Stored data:
________________________

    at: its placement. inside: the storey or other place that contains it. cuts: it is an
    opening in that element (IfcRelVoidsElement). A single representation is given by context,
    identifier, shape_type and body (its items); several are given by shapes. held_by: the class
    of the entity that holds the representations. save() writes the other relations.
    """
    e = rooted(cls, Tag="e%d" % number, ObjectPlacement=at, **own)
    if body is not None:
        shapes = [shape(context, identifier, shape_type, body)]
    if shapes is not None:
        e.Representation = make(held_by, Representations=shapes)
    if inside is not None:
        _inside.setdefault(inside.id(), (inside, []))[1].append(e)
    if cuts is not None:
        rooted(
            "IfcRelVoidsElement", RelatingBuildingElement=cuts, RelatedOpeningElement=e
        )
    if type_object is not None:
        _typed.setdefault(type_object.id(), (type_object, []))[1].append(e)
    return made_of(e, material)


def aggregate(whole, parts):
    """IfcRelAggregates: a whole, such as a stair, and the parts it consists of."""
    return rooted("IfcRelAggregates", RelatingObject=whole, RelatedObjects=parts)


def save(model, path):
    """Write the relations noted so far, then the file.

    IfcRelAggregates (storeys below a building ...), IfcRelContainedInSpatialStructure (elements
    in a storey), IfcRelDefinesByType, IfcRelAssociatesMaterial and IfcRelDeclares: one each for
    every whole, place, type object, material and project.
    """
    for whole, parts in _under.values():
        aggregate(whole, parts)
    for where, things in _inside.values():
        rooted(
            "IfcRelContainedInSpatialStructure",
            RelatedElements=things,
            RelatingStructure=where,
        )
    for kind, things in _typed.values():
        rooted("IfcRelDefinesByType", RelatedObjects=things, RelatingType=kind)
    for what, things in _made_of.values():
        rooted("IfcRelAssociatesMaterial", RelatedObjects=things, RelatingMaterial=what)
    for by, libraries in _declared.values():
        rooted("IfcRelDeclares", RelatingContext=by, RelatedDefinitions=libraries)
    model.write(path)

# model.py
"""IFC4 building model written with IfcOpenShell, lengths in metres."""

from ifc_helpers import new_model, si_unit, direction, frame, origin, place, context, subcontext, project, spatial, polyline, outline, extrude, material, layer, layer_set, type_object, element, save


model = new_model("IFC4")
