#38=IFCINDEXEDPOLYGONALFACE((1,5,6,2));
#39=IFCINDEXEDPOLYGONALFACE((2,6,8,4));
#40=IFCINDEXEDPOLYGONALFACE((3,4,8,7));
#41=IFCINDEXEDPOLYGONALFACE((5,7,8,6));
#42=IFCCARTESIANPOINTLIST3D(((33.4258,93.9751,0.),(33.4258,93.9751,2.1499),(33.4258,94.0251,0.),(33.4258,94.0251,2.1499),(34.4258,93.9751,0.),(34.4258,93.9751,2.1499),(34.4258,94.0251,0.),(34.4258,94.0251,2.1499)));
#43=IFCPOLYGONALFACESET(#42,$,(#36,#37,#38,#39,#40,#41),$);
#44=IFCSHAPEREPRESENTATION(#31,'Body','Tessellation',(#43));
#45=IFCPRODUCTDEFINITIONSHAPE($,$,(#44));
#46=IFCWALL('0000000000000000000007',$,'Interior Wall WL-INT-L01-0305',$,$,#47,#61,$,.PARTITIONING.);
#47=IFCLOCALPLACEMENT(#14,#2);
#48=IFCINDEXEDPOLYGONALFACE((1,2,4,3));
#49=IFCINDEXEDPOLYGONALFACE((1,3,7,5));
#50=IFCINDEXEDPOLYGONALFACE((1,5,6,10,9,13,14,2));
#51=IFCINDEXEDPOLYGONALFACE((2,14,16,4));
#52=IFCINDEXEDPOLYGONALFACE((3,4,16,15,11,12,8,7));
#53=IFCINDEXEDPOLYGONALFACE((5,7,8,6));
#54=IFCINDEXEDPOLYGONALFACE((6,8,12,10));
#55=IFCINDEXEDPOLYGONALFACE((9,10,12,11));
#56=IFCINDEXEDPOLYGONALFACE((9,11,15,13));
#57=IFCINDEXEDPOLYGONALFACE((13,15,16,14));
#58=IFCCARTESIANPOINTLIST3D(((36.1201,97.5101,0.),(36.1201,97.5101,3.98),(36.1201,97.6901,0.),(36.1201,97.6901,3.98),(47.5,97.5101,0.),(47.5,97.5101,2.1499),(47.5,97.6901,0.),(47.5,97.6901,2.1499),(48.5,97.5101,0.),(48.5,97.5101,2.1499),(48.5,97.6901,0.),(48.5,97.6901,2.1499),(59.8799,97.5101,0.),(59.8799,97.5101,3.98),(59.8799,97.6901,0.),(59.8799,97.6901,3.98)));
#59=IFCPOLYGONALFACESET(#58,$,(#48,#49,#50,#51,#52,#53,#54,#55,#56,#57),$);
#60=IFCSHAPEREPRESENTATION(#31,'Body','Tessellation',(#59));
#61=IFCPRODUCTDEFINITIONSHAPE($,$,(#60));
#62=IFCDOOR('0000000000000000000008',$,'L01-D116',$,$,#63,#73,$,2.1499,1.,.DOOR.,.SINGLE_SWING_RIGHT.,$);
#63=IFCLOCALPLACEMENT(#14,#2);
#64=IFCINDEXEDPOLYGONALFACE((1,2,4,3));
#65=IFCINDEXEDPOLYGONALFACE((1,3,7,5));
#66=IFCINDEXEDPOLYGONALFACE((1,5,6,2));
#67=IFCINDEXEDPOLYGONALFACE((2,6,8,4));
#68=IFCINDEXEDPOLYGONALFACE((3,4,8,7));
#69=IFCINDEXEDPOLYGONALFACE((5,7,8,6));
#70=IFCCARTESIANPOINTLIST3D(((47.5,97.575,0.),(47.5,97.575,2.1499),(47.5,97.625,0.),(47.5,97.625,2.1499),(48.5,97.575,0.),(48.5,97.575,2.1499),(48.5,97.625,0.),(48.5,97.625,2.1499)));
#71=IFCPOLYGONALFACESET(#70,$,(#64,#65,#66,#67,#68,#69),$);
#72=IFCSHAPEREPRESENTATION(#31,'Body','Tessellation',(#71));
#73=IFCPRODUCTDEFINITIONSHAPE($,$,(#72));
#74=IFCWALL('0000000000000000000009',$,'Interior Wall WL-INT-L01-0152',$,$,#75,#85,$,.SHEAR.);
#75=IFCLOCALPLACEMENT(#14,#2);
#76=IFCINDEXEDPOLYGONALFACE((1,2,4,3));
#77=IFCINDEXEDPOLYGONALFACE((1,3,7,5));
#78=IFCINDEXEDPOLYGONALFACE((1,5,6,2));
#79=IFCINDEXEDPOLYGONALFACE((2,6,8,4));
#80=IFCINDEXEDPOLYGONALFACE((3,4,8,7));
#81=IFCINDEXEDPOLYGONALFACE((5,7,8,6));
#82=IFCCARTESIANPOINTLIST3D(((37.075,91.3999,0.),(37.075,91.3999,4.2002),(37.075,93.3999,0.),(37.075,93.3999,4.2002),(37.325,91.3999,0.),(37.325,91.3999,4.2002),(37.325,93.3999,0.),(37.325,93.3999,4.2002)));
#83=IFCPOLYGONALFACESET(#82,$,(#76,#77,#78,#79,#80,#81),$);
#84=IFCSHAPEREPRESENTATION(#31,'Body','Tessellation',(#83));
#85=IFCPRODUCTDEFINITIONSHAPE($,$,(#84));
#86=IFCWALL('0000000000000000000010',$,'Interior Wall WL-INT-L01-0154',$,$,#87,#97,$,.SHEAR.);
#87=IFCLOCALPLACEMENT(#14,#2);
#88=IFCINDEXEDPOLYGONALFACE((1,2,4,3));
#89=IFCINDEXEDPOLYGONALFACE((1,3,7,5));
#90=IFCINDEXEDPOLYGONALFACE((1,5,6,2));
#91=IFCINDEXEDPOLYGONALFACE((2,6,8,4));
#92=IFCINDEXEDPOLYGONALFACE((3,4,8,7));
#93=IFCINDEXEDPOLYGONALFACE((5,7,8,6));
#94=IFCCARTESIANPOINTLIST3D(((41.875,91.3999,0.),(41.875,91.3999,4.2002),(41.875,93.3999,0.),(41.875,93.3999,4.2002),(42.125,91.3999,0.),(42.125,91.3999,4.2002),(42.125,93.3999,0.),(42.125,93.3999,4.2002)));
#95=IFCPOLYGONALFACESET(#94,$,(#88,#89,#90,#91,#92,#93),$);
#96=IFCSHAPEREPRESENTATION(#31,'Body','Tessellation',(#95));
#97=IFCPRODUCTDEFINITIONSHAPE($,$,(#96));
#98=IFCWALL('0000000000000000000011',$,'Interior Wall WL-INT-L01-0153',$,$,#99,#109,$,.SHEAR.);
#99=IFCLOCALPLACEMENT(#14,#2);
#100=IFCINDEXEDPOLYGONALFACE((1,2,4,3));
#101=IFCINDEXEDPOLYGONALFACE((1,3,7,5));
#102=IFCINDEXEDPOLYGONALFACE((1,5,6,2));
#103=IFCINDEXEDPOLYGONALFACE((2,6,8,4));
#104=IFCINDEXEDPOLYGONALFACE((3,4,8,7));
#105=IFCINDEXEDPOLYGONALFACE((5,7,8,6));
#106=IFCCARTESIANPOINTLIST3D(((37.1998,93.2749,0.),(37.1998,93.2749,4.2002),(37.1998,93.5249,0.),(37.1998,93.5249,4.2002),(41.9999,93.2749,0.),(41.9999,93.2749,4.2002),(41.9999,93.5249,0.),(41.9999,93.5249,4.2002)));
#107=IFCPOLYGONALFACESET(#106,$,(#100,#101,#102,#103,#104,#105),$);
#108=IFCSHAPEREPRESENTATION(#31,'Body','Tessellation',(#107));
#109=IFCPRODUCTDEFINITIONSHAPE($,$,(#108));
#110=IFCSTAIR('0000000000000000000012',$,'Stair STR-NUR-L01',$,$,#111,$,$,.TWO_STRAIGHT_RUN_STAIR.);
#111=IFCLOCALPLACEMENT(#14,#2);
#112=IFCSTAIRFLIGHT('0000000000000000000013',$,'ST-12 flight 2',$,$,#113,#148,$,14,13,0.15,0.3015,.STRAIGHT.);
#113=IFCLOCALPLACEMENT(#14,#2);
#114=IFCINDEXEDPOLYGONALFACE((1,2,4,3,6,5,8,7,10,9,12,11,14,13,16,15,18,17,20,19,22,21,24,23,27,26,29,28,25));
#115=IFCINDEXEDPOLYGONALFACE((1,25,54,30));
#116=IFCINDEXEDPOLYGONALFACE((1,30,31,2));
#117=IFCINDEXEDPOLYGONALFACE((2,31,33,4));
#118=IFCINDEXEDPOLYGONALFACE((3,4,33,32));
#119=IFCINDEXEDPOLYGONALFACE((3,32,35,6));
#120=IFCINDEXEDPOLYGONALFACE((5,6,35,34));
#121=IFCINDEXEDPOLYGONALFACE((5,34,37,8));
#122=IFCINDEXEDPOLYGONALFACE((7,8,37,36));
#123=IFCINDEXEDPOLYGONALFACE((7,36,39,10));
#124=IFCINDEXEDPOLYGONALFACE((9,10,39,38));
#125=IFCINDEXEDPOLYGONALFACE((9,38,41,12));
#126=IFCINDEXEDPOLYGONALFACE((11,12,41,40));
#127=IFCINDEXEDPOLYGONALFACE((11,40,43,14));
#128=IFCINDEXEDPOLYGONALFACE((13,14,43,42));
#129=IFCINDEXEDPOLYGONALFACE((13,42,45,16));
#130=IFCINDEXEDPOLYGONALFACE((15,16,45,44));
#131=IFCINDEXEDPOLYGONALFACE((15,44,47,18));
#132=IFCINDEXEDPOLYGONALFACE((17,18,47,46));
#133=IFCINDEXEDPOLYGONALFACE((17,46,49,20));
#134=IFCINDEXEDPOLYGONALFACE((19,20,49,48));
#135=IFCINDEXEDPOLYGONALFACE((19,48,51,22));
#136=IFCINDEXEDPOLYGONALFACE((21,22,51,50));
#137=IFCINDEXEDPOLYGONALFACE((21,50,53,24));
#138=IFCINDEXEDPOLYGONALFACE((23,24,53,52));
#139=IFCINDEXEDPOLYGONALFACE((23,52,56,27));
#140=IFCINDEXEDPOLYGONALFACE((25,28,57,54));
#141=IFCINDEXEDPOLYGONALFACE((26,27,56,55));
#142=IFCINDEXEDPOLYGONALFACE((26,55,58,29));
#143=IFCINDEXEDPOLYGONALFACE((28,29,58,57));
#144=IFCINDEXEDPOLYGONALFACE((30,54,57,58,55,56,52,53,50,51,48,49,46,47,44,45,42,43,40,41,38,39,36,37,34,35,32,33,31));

________________________

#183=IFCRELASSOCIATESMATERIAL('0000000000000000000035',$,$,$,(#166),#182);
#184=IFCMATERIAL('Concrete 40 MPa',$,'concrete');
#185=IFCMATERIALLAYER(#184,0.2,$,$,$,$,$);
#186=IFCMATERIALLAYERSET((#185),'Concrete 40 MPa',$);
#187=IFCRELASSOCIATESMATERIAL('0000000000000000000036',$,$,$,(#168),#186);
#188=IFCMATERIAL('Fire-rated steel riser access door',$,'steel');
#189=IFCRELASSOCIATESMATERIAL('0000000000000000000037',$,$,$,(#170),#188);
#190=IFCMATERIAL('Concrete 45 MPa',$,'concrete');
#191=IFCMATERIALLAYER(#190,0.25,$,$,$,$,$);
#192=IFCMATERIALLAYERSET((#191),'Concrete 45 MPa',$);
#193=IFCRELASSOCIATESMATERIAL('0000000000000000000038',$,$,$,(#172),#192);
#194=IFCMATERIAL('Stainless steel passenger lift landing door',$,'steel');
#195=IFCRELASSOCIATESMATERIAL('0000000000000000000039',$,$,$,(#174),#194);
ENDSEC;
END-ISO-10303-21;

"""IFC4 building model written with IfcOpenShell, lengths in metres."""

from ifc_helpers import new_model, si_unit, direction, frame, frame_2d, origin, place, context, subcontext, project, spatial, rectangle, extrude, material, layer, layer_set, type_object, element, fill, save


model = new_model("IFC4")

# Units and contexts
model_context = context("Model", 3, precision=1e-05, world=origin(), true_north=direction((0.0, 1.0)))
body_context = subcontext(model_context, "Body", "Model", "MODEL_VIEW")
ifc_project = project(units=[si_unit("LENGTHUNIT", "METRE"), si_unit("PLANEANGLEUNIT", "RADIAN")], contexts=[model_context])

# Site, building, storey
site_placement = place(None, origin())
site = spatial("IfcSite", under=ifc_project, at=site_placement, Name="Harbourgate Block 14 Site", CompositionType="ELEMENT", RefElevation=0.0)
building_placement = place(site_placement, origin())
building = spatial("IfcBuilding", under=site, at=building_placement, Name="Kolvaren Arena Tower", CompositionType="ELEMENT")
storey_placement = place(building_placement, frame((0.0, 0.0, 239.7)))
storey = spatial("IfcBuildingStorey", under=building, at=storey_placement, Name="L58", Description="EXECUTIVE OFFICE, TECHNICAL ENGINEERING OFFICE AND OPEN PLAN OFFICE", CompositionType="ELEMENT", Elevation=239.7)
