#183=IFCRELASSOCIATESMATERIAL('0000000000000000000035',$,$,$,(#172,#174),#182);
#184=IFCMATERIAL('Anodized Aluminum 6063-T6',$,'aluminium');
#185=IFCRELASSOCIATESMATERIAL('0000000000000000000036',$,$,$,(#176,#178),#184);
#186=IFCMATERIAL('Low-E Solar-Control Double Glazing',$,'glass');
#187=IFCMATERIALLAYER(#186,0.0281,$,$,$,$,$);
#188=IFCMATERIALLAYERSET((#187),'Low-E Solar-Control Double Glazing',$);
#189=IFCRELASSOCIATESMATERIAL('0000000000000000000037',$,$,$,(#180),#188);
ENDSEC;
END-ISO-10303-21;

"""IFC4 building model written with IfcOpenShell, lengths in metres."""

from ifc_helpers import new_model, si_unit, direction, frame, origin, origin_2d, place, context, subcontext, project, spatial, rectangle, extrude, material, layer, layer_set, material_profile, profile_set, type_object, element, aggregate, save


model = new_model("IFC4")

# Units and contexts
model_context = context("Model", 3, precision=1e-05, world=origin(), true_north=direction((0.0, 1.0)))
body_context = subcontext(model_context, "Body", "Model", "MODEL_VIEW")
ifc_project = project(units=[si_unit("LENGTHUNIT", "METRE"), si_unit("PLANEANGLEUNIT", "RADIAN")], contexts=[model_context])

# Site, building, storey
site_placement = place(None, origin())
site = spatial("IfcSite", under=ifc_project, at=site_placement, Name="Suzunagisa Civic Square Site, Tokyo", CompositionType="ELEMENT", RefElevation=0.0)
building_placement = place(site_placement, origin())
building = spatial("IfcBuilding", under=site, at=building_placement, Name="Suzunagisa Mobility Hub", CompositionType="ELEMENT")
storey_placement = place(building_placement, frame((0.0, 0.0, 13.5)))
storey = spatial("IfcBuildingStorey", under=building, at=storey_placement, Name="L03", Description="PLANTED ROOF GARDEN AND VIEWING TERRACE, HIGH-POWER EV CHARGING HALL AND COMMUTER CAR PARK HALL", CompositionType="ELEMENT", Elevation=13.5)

________________________

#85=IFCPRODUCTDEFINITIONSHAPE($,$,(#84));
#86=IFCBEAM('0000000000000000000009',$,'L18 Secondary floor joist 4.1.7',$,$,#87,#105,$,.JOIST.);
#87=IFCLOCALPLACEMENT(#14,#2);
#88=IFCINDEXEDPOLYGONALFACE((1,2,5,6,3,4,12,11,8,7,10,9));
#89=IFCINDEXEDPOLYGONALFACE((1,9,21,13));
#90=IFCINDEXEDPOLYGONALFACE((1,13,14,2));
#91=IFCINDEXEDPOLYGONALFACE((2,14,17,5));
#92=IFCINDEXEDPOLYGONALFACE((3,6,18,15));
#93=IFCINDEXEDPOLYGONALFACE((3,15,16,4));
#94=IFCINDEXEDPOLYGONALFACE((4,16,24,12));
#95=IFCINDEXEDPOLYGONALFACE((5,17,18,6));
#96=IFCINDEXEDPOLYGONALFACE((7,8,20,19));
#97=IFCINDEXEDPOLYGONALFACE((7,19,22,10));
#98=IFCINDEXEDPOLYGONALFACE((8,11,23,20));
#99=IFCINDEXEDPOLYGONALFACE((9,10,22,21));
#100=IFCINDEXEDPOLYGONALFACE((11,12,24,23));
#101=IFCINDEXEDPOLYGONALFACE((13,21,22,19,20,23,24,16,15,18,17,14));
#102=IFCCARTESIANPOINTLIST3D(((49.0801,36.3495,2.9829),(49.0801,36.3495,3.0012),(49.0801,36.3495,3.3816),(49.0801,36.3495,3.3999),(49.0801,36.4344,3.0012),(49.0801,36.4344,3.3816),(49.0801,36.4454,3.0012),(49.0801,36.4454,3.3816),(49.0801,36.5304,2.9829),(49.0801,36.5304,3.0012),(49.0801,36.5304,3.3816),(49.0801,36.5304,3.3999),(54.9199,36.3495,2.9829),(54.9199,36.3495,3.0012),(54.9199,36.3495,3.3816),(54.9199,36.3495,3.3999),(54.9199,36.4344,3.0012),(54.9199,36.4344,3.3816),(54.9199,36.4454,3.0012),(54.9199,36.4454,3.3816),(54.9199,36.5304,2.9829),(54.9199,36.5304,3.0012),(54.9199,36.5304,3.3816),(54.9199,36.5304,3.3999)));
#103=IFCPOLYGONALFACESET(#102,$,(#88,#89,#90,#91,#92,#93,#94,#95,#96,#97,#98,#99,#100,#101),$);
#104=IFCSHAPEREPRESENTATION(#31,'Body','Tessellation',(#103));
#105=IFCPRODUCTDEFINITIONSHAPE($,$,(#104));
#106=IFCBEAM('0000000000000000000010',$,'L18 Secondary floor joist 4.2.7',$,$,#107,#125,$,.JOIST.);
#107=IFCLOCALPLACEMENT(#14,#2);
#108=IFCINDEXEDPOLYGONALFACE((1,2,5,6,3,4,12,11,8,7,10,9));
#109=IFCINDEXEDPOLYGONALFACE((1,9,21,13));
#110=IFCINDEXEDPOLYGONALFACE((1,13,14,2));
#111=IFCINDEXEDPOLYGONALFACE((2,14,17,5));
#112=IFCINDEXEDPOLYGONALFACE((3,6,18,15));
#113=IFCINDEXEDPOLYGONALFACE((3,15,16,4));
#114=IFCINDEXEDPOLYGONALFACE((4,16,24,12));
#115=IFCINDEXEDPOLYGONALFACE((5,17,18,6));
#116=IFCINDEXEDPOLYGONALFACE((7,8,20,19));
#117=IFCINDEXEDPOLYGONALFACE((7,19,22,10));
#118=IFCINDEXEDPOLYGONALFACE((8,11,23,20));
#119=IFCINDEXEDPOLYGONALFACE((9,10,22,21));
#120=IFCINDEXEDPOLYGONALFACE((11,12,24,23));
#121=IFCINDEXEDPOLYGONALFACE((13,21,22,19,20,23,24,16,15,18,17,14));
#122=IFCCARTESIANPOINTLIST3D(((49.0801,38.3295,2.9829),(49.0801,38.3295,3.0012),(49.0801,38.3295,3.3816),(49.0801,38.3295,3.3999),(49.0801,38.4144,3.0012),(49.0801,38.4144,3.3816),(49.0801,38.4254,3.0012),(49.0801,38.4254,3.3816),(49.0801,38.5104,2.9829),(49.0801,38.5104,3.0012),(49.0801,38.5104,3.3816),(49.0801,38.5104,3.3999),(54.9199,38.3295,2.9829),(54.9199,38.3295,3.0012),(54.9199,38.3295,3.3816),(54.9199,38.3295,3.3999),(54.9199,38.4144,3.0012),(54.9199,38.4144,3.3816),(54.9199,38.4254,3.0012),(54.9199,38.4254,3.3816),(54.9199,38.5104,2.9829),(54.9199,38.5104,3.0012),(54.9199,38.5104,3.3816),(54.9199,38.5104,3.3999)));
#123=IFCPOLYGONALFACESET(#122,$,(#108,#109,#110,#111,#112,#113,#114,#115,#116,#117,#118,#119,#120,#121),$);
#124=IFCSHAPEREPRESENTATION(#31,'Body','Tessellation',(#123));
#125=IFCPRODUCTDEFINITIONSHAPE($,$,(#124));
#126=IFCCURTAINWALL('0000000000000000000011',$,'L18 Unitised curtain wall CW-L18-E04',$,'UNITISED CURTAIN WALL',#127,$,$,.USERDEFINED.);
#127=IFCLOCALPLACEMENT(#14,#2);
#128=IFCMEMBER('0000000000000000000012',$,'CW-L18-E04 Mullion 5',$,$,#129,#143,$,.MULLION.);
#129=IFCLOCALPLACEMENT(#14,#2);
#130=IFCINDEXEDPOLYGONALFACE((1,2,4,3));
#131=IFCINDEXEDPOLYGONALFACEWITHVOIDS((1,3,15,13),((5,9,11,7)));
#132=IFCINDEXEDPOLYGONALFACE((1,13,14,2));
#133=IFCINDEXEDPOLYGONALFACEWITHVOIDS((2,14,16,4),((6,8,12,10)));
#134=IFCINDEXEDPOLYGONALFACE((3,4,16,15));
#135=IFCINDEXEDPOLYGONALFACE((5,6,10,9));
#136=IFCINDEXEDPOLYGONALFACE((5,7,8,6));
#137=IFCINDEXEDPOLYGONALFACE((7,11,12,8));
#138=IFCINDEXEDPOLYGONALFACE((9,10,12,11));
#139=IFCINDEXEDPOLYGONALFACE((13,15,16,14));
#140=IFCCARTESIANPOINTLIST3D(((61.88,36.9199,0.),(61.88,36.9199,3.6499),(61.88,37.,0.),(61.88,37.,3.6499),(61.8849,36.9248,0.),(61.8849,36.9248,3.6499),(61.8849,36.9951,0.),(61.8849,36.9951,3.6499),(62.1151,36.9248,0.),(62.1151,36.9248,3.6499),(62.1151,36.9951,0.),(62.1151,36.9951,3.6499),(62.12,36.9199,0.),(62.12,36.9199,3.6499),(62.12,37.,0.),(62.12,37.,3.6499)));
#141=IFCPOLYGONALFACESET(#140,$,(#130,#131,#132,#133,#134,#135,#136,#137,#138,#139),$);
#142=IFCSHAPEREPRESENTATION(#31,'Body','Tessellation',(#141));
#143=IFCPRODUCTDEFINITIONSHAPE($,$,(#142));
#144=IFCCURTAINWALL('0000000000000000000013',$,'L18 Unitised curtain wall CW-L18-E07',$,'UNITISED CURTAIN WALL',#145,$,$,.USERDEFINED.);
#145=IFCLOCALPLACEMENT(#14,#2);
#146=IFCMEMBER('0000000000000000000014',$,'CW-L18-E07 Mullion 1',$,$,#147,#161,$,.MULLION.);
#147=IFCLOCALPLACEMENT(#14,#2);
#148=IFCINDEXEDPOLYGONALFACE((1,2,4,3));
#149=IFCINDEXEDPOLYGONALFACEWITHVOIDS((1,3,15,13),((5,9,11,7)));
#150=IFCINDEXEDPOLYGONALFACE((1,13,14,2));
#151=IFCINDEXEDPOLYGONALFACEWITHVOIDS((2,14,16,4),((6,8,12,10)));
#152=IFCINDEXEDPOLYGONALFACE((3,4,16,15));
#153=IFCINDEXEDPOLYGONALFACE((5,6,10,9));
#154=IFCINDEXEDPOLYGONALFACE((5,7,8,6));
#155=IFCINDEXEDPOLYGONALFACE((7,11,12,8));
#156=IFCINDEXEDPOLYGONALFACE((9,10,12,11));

________________________

Task statement: Show, from the records above, every line that includes "UNITISED".

Exercise answer:
#126=IFCCURTAINWALL('0000000000000000000011',$,'L18 Unitised curtain wall CW-L18-E04',$,'UNITISED CURTAIN WALL',#127,$,$,.USERDEFINED.);
#144=IFCCURTAINWALL('0000000000000000000013',$,'L18 Unitised curtain wall CW-L18-E07',$,'UNITISED CURTAIN WALL',#145,$,$,.USERDEFINED.);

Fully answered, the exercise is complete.